(Saved data entries)

☆ ☆ ☆

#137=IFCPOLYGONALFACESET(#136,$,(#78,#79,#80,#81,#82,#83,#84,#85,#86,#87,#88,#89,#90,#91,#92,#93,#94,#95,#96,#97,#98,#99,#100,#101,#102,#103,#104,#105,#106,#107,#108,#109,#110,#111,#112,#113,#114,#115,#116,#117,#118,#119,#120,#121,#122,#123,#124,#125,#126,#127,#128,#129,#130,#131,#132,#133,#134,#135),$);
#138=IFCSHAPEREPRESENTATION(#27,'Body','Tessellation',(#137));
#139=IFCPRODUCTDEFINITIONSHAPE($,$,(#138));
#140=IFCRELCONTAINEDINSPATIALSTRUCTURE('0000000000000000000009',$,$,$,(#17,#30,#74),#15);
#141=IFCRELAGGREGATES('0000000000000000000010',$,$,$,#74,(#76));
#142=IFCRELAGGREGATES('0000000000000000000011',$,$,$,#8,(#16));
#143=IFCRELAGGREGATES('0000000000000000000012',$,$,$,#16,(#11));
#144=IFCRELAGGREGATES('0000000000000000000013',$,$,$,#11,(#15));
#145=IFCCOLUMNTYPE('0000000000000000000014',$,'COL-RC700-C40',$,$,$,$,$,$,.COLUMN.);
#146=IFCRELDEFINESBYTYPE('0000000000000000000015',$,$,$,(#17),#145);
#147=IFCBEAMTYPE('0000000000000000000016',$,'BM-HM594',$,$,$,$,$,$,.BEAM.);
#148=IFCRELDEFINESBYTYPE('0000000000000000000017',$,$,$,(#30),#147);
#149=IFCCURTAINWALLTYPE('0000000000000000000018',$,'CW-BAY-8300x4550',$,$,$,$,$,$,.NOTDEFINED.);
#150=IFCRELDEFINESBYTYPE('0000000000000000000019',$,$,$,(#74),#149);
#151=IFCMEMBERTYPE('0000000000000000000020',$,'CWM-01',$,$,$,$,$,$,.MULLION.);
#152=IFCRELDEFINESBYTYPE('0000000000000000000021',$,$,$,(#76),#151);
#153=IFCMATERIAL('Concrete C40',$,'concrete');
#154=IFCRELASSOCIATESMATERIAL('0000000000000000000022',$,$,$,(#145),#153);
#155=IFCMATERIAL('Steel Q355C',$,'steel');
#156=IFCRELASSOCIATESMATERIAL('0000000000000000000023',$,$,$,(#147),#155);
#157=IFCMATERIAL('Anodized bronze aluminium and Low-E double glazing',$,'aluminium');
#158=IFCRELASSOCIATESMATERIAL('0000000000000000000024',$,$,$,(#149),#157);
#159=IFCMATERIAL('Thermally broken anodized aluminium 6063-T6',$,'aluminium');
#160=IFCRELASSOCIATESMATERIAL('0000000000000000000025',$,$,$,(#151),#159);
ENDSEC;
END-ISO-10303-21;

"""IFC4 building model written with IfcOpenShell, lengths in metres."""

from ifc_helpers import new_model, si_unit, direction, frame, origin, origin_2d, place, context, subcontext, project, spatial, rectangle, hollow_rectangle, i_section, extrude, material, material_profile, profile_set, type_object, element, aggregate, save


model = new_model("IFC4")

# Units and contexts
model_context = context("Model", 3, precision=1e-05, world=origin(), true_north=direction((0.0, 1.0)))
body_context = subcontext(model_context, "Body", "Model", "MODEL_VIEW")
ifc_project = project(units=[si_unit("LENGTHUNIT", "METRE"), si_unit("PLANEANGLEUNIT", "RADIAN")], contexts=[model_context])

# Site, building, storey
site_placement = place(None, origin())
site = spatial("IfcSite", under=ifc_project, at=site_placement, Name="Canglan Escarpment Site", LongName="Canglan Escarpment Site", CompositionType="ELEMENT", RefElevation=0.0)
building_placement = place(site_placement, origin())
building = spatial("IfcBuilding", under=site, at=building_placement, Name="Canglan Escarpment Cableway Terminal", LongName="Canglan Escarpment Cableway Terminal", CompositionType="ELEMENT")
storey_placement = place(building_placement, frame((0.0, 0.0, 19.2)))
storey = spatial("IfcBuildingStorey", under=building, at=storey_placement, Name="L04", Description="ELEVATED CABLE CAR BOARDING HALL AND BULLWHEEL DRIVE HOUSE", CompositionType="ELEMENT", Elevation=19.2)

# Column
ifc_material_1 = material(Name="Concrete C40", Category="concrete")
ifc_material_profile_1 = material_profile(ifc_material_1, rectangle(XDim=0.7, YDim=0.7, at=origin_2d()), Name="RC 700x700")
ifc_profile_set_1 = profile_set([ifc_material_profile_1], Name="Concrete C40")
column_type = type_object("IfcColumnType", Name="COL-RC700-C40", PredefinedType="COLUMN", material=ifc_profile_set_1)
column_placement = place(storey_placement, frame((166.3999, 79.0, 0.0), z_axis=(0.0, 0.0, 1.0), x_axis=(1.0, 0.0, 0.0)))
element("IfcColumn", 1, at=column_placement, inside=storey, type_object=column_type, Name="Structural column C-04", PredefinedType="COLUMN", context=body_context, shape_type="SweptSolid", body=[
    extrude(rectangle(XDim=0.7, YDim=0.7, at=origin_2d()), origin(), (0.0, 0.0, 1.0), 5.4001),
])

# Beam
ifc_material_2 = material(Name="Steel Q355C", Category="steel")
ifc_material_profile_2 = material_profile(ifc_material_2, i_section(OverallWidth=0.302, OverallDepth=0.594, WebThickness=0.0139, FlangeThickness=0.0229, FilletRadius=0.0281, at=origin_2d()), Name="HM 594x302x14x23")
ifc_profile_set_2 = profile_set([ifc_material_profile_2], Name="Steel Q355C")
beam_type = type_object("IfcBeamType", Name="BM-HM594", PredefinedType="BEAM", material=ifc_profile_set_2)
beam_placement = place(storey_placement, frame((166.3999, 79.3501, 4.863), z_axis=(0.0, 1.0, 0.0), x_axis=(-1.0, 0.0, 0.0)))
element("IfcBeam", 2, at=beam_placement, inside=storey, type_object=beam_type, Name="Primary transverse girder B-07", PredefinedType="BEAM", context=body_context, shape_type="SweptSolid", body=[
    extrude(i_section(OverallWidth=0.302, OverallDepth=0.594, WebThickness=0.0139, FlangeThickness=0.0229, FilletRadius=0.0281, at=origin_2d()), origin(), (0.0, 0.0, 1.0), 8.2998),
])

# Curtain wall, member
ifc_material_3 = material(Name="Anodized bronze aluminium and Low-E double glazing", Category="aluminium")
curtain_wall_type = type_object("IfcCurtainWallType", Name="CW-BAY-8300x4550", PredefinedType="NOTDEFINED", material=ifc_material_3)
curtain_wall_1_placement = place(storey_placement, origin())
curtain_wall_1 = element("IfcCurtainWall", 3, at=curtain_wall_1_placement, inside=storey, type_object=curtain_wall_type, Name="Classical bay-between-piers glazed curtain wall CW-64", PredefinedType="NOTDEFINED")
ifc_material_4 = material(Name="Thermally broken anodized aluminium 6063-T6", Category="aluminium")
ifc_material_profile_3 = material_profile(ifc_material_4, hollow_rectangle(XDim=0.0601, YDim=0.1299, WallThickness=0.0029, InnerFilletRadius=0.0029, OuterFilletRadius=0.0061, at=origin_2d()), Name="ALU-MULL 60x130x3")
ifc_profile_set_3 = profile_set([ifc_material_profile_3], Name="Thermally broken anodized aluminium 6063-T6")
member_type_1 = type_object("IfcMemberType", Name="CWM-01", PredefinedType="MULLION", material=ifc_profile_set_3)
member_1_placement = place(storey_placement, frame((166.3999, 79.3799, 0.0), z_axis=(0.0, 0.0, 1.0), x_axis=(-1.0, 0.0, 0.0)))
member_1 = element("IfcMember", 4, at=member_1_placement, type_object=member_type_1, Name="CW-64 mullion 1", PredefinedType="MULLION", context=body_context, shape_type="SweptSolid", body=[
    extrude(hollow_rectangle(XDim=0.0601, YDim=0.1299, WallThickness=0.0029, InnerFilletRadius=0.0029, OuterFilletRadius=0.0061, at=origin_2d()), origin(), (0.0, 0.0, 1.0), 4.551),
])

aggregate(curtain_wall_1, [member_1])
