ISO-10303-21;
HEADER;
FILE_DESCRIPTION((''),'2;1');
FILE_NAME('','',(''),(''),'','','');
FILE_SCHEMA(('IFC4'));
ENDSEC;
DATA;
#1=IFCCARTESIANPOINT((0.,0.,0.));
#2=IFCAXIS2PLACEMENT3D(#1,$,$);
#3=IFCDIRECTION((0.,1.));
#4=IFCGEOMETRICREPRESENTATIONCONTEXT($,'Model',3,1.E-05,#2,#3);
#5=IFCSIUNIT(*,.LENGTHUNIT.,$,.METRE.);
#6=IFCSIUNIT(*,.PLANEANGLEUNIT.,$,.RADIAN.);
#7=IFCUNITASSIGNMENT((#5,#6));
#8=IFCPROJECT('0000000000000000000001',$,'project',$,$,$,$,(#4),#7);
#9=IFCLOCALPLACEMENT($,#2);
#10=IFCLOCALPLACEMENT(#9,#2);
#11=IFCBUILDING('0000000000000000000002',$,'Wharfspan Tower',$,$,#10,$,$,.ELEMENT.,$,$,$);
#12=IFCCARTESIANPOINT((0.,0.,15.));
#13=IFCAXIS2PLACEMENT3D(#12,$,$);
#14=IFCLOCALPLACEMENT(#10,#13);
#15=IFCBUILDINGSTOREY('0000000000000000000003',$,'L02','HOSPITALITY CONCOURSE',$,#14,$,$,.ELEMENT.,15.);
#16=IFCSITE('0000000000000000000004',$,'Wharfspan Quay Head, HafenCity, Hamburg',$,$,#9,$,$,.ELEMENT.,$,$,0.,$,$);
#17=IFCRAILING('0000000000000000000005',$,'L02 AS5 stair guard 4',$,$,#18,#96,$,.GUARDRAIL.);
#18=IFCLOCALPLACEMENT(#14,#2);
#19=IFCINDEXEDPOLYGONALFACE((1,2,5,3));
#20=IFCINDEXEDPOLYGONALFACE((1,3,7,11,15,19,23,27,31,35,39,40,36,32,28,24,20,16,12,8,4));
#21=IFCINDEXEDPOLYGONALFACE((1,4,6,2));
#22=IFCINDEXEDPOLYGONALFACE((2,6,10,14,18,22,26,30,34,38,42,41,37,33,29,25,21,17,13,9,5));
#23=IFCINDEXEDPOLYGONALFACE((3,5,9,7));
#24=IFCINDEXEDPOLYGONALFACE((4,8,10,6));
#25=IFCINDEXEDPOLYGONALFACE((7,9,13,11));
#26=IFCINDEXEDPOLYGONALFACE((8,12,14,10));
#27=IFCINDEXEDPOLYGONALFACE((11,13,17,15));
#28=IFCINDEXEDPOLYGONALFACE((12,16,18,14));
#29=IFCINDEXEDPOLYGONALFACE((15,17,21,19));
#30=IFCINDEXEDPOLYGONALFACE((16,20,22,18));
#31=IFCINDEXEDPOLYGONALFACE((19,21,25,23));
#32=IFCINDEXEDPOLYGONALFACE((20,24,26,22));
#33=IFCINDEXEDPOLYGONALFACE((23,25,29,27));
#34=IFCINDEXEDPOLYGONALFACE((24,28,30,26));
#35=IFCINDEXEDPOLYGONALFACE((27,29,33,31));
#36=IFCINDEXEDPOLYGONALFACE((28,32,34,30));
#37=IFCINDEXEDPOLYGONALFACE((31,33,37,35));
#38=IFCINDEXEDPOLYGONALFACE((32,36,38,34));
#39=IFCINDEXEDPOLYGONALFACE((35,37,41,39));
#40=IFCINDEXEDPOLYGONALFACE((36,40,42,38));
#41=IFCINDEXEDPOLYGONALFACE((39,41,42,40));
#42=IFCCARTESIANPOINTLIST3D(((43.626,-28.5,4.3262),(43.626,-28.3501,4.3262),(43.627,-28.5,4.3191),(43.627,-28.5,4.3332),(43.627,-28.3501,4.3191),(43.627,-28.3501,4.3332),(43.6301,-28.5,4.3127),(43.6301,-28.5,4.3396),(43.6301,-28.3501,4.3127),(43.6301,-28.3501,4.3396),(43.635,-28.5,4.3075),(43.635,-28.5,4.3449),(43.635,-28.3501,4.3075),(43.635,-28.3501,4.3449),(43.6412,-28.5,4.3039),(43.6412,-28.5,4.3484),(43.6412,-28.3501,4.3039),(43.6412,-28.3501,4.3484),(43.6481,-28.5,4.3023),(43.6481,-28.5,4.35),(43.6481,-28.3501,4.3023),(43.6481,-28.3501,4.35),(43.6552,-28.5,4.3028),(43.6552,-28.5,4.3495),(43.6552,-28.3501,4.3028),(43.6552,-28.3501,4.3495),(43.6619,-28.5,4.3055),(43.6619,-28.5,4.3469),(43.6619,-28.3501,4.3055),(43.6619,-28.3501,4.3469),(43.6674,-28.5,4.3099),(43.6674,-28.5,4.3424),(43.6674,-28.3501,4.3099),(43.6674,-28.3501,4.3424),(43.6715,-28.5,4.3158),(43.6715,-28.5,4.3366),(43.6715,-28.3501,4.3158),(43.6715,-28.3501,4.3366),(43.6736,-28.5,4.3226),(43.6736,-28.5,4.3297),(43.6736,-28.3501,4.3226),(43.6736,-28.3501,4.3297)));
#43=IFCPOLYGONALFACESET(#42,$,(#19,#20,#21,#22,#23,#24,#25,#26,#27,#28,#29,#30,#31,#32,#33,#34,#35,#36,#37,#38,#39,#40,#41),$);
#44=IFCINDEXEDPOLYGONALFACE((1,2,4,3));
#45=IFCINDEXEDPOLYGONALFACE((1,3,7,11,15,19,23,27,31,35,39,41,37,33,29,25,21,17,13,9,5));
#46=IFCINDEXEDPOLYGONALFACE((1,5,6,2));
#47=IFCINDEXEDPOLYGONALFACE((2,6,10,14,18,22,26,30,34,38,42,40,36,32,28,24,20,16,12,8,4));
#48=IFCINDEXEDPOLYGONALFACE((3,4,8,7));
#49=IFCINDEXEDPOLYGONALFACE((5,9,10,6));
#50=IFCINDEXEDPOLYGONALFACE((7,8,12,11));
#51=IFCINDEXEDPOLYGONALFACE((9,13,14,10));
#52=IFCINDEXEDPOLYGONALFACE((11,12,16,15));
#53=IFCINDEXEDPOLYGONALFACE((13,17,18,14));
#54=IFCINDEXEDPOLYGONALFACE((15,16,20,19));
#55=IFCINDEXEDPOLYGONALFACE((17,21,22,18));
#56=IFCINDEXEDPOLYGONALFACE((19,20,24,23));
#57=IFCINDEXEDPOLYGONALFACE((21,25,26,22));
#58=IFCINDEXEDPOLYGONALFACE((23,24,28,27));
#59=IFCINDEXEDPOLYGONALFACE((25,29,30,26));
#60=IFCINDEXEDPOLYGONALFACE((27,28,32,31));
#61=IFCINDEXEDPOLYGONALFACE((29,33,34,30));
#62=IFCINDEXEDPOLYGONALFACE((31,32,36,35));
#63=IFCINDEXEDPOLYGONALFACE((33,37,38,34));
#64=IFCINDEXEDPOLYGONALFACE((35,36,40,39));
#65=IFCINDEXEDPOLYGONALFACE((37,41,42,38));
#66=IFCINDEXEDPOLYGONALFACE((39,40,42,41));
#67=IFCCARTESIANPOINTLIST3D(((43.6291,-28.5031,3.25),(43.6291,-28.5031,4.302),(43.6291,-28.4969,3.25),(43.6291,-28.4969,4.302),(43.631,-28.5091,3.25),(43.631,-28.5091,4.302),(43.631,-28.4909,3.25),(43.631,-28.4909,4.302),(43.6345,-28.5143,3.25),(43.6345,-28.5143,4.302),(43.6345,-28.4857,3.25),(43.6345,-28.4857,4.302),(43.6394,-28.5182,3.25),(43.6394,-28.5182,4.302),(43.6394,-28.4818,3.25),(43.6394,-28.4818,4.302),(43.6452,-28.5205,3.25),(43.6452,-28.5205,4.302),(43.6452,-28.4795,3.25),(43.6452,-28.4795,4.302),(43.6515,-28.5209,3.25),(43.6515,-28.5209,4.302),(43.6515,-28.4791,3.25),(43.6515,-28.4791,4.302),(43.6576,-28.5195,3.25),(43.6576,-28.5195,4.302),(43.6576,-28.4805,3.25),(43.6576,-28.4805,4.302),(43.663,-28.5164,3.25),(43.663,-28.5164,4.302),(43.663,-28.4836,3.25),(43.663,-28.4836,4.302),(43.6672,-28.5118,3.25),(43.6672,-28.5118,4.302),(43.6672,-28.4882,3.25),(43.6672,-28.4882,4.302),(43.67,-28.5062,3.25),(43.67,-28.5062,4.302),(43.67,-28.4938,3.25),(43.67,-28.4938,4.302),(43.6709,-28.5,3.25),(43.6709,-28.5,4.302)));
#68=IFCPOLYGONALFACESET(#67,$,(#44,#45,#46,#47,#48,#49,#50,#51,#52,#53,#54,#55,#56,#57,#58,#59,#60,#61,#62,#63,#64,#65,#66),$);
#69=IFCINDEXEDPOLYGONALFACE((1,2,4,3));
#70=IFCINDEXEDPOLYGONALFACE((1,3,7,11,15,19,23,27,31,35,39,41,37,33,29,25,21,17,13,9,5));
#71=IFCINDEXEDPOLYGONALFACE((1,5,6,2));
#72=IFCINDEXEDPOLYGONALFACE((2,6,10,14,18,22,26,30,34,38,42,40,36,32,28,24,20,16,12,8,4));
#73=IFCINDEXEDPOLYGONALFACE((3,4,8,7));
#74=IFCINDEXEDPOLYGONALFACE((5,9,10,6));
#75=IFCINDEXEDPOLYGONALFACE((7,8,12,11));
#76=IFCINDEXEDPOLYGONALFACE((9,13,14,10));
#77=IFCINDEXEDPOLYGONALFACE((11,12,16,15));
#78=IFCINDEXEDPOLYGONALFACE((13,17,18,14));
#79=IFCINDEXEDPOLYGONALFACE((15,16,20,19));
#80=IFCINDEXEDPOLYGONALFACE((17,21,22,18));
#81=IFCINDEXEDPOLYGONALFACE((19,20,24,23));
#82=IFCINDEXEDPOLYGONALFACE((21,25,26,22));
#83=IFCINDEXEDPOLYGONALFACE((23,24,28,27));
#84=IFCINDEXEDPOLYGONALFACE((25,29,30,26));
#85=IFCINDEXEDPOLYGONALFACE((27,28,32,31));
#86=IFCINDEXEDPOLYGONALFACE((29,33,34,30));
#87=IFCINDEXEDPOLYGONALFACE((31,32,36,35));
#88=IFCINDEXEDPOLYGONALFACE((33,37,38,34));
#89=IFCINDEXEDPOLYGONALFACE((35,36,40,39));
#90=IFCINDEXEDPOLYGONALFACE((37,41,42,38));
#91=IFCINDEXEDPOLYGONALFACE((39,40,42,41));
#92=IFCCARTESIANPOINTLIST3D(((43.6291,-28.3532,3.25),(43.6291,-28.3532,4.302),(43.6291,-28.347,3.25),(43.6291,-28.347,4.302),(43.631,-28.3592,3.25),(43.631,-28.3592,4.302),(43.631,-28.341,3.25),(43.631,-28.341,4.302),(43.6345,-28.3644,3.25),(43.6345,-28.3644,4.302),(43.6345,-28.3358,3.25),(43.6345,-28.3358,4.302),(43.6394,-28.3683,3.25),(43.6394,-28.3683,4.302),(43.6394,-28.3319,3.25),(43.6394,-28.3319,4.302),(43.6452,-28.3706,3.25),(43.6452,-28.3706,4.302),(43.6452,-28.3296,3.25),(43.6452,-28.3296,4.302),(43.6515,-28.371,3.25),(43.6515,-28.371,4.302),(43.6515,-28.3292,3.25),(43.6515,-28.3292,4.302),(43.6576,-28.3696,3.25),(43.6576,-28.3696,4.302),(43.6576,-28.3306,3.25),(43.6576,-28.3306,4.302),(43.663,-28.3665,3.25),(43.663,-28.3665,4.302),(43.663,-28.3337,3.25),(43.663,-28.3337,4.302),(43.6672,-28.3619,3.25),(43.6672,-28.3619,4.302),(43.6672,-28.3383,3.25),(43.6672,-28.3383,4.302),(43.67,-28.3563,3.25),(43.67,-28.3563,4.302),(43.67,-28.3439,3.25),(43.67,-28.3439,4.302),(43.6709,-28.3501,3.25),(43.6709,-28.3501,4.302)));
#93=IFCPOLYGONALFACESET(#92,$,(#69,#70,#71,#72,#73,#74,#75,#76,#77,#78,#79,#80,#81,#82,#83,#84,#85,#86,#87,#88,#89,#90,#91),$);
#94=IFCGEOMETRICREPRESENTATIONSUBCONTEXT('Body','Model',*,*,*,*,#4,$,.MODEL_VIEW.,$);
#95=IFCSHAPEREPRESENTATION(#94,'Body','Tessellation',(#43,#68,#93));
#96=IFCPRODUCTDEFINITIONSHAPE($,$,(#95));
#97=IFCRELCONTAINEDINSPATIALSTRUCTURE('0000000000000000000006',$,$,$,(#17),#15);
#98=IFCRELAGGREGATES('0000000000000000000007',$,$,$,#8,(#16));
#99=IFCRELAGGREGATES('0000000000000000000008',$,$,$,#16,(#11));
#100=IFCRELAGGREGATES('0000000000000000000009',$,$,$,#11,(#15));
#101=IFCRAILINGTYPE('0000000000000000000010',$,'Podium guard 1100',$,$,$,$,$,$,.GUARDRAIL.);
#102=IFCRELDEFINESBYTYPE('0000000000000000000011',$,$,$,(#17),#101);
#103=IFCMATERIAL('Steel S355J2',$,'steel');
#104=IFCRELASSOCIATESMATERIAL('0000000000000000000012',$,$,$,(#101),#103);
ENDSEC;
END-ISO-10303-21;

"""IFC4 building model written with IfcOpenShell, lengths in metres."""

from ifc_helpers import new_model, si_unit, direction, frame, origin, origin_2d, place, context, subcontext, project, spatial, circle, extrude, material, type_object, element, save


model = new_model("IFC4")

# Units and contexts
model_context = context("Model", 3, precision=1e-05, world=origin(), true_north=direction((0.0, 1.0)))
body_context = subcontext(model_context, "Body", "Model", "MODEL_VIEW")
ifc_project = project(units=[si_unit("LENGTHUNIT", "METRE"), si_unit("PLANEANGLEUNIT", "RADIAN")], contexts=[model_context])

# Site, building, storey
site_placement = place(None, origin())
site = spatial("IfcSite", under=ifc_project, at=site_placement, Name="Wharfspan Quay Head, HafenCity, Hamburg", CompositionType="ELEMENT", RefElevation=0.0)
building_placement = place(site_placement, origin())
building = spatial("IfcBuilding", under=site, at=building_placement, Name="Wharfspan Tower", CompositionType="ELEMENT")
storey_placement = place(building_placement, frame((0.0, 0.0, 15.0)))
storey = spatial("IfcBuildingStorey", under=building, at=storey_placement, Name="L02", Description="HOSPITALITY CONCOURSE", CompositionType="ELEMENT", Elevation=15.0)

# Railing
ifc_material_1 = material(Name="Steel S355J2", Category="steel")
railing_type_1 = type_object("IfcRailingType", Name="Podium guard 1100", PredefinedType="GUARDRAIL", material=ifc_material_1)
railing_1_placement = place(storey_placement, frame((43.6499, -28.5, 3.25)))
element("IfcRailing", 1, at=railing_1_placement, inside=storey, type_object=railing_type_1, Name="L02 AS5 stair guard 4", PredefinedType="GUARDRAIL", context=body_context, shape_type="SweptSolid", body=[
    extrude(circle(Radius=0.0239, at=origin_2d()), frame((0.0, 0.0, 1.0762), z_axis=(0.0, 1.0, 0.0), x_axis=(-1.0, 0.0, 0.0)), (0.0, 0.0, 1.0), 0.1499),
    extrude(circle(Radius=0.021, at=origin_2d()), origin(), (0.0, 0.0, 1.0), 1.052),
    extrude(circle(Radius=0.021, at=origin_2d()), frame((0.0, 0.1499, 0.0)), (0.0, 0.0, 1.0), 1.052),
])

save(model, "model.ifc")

☆ ☆ ☆

Problem =>
Write out exactly the lines that fall from the line with "#49=IFCINDEXEDPOLYGONALFACE((5,9,10,6));" to the line with "#66=IFCINDEXEDPOLYGONALFACE((39,40,42,41));" in the records above, keeping both ends.

Written response =>
#49=IFCINDEXEDPOLYGONALFACE((5,9,10,6));
#50=IFCINDEXEDPOLYGONALFACE((7,8,12,11));
#51=IFCINDEXEDPOLYGONALFACE((9,13,14,10));
#52=IFCINDEXEDPOLYGONALFACE((11,12,16,15));
#53=IFCINDEXEDPOLYGONALFACE((13,17,18,14));
#54=IFCINDEXEDPOLYGONALFACE((15,16,20,19));
#55=IFCINDEXEDPOLYGONALFACE((17,21,22,18));
#56=IFCINDEXEDPOLYGONALFACE((19,20,24,23));
#57=IFCINDEXEDPOLYGONALFACE((21,25,26,22));
#58=IFCINDEXEDPOLYGONALFACE((23,24,28,27));
#59=IFCINDEXEDPOLYGONALFACE((25,29,30,26));
#60=IFCINDEXEDPOLYGONALFACE((27,28,32,31));
#61=IFCINDEXEDPOLYGONALFACE((29,33,34,30));
#62=IFCINDEXEDPOLYGONALFACE((31,32,36,35));
#63=IFCINDEXEDPOLYGONALFACE((33,37,38,34));
#64=IFCINDEXEDPOLYGONALFACE((35,36,40,39));
#65=IFCINDEXEDPOLYGONALFACE((37,41,42,38));
#66=IFCINDEXEDPOLYGONALFACE((39,40,42,41));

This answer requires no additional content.